→ **Problem requirements**
Below are records; count how many of their lines contain the string "ObjectType", and give only that number.

──────── Material for this exercise

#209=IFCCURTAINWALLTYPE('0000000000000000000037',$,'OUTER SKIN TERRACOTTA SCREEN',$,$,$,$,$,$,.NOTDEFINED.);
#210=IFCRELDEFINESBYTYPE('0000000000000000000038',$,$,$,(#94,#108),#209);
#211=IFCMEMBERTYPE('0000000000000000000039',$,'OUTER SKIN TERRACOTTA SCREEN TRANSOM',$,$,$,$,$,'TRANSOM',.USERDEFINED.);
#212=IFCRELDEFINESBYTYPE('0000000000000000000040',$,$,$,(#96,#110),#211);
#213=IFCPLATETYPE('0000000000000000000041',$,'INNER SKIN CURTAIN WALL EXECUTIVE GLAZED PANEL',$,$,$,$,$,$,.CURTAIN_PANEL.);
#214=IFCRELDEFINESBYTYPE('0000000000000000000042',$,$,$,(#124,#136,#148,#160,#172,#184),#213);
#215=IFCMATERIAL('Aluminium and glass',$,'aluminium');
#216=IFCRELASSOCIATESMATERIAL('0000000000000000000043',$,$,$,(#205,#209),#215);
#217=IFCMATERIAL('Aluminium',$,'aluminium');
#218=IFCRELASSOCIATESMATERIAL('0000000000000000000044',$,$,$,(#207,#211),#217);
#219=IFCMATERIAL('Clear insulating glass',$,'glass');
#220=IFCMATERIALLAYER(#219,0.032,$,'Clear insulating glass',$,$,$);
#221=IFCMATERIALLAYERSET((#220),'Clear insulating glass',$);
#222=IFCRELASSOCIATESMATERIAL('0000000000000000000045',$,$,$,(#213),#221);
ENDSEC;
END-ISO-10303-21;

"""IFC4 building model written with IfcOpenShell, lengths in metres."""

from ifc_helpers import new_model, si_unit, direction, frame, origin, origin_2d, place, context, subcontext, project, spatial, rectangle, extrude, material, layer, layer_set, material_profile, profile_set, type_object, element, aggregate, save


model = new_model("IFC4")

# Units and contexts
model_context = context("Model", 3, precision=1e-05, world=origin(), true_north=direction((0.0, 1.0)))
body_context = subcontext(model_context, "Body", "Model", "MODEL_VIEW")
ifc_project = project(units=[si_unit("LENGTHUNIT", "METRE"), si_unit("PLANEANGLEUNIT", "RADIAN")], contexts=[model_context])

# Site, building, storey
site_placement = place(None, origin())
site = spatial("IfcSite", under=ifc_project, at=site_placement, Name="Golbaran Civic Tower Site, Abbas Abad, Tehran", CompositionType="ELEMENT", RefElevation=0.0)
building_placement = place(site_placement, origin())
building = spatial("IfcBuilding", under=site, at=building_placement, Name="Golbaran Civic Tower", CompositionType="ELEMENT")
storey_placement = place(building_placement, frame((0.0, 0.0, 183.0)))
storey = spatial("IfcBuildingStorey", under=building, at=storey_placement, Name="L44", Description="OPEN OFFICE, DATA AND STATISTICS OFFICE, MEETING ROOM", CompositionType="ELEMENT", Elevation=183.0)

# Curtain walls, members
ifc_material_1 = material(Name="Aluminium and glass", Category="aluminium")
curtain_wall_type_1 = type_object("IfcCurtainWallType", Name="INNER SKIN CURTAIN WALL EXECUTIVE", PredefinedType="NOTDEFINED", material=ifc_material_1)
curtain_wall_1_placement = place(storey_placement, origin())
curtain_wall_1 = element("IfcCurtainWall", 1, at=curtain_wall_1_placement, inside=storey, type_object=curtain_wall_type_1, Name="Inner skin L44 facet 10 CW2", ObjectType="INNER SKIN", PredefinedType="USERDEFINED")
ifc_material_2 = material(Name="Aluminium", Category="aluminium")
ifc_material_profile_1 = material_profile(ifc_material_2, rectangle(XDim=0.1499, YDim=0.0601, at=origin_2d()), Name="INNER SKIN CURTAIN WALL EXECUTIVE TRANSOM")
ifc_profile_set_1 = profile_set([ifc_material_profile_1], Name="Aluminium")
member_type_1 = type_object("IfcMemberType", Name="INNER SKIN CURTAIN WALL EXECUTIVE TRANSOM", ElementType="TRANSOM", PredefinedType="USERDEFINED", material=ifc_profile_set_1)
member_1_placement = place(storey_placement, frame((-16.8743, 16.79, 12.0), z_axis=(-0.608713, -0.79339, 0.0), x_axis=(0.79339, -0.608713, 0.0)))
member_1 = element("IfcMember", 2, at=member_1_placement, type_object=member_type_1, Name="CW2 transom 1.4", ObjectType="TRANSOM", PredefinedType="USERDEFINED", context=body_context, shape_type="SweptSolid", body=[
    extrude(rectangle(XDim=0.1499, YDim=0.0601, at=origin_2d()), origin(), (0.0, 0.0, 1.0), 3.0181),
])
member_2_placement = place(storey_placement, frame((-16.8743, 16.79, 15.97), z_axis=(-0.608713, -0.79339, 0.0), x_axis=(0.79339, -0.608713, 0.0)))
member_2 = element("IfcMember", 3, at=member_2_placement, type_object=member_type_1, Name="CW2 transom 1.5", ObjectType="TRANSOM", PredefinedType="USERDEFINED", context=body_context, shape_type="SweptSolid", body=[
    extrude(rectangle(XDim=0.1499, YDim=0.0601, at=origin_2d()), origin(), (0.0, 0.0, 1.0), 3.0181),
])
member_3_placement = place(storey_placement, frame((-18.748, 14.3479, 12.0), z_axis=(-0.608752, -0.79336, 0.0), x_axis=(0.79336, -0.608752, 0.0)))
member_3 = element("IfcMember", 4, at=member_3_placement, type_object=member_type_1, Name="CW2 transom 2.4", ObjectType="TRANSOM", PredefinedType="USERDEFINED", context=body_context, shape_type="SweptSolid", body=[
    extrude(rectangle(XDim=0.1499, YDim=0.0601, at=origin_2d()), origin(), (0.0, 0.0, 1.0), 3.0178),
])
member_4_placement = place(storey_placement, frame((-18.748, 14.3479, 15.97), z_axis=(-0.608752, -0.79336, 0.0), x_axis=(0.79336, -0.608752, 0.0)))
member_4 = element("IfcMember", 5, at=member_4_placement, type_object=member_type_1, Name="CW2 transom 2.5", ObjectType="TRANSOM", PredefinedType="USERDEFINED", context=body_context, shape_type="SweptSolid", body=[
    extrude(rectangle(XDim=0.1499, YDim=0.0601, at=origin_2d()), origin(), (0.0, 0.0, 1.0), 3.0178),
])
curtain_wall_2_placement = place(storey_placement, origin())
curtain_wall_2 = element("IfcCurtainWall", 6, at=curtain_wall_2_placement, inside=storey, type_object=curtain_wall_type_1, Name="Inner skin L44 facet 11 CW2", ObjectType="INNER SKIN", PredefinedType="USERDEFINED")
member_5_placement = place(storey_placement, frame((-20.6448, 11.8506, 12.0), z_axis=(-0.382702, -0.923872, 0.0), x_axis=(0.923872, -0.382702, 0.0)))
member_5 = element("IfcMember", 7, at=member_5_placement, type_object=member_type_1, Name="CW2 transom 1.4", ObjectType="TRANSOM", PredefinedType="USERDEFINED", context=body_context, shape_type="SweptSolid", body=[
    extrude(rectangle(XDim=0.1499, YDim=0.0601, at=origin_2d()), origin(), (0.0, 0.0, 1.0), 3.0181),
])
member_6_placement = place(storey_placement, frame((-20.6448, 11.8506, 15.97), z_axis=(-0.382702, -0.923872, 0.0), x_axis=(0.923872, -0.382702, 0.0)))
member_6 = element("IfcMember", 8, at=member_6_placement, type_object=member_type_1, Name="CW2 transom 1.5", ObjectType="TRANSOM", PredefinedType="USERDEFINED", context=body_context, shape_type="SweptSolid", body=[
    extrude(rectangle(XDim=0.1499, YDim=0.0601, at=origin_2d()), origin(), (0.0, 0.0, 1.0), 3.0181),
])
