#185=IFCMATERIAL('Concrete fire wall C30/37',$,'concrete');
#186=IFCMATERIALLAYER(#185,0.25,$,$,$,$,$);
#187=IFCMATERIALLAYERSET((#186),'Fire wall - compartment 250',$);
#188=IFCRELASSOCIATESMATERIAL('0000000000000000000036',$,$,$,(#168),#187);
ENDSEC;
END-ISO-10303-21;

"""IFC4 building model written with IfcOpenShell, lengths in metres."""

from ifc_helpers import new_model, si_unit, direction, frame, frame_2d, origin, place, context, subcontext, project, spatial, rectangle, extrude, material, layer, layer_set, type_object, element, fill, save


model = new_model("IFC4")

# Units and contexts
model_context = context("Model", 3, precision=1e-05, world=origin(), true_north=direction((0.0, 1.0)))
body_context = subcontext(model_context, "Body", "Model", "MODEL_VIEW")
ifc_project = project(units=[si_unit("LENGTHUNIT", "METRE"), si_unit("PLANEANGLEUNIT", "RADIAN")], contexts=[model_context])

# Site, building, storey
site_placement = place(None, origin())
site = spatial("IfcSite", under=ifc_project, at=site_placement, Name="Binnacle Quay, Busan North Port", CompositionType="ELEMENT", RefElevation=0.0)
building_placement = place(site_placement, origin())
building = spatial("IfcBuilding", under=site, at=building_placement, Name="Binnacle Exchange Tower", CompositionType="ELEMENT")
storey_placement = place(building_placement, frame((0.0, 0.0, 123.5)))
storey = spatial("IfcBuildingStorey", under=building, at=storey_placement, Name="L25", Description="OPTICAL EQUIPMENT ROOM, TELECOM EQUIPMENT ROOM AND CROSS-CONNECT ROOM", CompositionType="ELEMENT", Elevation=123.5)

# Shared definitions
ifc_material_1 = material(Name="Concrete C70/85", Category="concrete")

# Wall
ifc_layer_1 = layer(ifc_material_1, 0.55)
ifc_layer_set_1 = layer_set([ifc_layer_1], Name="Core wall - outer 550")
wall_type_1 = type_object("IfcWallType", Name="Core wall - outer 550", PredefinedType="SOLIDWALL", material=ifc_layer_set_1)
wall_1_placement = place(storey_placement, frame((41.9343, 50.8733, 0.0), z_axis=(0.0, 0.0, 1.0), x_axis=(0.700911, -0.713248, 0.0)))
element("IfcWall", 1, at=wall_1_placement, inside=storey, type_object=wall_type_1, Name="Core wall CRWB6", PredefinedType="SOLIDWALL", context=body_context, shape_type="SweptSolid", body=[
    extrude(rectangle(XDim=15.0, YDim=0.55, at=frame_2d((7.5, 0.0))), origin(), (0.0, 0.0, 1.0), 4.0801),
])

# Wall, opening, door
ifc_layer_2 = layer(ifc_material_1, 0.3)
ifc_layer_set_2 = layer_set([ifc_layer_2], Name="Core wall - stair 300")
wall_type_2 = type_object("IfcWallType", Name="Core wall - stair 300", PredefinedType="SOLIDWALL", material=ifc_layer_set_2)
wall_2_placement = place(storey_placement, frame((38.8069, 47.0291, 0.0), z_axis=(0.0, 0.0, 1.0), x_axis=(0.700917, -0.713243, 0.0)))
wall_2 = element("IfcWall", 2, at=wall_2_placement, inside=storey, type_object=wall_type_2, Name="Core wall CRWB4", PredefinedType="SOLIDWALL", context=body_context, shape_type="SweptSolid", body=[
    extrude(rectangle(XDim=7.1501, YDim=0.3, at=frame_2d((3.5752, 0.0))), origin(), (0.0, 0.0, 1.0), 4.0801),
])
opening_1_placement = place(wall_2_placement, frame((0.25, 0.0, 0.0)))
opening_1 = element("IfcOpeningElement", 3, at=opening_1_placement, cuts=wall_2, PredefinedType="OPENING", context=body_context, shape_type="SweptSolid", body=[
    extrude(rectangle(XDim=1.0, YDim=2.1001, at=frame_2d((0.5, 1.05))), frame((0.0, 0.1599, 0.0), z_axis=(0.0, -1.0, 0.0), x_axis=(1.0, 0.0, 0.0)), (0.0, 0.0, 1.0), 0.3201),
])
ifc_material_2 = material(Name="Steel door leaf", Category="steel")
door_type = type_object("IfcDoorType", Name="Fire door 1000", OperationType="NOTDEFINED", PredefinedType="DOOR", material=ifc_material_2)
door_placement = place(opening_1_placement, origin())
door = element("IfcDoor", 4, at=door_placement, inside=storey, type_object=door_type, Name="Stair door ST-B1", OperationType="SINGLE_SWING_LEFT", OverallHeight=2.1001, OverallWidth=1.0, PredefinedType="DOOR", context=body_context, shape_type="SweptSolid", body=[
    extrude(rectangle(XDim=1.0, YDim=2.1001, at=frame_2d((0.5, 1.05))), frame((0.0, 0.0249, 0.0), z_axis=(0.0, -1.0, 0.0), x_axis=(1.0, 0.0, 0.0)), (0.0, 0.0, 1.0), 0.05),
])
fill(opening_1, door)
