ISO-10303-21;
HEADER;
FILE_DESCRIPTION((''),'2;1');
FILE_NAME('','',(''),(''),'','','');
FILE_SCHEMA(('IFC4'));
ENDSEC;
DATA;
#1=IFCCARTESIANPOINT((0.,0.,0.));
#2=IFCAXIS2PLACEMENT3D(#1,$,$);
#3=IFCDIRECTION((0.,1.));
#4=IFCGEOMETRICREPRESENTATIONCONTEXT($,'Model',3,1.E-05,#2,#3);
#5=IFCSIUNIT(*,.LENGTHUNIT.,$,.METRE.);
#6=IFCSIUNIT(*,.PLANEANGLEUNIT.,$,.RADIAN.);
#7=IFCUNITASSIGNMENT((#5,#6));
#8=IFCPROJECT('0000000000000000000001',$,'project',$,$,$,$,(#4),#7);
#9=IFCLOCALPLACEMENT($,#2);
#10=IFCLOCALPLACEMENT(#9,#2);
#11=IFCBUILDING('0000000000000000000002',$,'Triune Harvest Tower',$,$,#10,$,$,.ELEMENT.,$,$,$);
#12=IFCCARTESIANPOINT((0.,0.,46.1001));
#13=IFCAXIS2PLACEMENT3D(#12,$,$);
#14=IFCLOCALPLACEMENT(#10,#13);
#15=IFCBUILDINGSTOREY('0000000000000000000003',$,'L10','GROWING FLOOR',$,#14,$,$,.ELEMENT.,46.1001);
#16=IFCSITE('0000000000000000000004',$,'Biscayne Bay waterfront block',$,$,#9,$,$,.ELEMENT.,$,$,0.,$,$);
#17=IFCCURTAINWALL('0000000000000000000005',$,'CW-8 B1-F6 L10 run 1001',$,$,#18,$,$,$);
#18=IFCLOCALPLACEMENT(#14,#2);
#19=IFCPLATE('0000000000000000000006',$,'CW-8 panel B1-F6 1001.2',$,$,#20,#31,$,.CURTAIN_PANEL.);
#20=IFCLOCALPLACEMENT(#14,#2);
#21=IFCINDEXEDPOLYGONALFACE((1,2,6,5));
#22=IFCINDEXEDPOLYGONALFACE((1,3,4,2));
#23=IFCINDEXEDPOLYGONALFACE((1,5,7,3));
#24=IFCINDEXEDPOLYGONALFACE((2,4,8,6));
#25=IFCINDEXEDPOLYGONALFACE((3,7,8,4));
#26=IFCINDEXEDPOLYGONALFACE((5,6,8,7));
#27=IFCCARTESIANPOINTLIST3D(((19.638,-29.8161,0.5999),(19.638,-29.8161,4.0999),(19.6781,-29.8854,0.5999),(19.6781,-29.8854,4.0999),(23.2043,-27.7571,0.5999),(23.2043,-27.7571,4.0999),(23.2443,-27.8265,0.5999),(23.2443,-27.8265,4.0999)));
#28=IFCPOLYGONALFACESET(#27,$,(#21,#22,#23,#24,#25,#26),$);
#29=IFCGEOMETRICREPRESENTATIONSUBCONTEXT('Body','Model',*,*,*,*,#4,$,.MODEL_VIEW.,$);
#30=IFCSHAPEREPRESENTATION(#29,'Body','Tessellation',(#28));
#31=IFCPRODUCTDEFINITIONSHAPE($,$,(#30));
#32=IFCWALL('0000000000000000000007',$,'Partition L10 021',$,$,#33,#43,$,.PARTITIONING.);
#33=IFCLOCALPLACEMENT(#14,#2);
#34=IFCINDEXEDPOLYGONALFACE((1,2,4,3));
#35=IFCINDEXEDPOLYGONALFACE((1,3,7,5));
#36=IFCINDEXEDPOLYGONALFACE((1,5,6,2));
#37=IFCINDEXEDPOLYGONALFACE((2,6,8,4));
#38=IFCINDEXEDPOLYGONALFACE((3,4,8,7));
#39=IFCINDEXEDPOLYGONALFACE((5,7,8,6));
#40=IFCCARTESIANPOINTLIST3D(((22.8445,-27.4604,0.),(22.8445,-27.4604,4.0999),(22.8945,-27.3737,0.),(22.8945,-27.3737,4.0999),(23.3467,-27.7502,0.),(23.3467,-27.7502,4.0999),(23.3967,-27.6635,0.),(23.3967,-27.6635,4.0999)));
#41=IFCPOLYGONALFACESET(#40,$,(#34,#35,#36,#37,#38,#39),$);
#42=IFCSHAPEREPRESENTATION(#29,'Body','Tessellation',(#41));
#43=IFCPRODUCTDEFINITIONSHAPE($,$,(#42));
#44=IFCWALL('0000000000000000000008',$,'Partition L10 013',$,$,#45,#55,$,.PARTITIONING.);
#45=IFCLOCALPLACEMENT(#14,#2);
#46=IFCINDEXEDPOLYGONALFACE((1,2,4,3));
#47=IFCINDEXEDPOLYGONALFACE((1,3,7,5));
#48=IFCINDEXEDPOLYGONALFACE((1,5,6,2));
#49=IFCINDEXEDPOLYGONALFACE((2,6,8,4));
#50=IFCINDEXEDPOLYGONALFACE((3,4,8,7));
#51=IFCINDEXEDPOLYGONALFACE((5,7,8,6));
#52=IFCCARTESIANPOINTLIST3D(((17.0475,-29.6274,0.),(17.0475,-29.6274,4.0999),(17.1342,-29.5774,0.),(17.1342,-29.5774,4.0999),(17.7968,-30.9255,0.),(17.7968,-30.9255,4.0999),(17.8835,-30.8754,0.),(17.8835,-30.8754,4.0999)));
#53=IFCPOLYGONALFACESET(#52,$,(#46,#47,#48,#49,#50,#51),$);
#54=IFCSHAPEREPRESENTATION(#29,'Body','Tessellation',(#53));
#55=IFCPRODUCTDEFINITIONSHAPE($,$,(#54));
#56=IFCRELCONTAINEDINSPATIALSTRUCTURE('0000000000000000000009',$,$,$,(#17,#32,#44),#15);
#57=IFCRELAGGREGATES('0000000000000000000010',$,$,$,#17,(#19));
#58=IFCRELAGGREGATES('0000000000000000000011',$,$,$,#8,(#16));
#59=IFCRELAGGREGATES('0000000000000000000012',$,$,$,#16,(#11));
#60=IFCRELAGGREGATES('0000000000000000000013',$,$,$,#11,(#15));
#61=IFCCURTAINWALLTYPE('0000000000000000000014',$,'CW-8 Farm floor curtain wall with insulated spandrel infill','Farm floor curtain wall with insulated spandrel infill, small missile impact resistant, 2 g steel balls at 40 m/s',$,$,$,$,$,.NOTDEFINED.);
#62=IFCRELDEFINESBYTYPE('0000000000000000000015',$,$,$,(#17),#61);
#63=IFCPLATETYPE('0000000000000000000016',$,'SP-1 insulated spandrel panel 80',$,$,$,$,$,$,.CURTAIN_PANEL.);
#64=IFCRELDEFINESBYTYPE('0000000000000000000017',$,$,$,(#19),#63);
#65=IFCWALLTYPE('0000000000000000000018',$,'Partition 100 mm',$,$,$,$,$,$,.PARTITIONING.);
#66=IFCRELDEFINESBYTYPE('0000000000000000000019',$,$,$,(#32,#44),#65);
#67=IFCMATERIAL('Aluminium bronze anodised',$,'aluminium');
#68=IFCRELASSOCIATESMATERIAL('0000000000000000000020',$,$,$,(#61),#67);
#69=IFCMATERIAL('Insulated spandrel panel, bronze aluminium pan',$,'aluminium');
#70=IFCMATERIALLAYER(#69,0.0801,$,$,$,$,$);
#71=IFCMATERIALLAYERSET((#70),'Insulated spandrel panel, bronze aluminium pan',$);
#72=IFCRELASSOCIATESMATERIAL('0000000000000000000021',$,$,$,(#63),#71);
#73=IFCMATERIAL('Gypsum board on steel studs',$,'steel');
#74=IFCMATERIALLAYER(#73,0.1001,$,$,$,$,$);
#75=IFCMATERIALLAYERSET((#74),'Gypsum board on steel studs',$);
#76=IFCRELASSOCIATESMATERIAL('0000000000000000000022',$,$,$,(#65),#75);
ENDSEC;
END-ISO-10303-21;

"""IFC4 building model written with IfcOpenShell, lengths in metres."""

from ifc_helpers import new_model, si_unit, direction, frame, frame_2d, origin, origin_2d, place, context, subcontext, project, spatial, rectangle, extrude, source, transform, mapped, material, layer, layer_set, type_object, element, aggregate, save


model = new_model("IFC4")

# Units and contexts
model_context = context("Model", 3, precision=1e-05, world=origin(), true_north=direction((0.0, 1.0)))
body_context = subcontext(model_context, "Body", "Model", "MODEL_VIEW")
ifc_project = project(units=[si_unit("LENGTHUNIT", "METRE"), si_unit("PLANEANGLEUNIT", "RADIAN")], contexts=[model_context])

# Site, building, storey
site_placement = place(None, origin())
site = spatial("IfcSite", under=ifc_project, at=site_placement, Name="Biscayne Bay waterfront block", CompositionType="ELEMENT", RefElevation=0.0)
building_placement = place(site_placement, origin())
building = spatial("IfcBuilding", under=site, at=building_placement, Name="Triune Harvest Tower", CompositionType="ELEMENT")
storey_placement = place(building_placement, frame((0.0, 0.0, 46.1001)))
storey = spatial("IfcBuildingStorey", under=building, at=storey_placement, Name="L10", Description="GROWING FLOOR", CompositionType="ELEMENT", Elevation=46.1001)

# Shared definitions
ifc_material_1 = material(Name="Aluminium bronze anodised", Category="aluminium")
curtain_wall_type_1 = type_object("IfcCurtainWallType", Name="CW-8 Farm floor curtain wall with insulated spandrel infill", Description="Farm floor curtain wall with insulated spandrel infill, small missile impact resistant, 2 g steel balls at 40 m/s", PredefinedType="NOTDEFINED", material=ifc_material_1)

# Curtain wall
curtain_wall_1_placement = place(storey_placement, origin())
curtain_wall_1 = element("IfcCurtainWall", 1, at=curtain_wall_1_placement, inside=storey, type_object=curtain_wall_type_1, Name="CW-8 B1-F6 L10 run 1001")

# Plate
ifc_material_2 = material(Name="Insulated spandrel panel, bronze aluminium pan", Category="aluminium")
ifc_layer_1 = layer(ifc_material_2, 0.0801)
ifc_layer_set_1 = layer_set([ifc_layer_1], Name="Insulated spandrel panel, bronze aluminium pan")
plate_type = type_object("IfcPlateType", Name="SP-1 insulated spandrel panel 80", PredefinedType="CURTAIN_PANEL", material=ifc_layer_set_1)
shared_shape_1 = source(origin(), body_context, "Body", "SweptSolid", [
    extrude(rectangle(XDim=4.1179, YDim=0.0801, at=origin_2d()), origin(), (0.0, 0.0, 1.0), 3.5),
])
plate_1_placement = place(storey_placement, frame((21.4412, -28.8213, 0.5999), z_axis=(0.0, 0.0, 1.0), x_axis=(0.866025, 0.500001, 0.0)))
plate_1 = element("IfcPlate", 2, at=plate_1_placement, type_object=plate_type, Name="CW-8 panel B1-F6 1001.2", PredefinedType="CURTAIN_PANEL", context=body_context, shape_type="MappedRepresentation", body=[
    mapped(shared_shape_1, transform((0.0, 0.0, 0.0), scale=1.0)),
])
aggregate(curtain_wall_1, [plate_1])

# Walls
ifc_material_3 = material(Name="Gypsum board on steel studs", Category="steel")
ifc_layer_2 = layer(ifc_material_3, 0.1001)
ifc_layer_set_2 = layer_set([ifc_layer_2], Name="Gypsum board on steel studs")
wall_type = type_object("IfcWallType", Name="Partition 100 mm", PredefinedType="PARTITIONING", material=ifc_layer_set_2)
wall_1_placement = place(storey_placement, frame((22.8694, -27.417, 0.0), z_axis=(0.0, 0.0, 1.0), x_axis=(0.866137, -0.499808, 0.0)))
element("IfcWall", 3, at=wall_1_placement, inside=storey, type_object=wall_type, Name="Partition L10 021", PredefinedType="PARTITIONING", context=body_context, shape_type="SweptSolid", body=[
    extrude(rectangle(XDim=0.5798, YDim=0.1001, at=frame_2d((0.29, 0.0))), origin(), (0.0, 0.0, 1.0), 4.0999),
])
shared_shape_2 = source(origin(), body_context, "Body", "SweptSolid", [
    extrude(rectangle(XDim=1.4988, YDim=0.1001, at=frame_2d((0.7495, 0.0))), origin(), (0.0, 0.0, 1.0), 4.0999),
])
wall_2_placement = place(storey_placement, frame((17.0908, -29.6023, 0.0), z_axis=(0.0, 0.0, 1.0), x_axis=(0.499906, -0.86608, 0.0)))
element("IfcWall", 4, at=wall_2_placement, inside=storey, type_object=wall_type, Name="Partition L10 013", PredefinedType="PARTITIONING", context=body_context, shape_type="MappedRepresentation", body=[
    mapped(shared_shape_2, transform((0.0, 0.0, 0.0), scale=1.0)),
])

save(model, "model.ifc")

────────────────

→ **Response**
8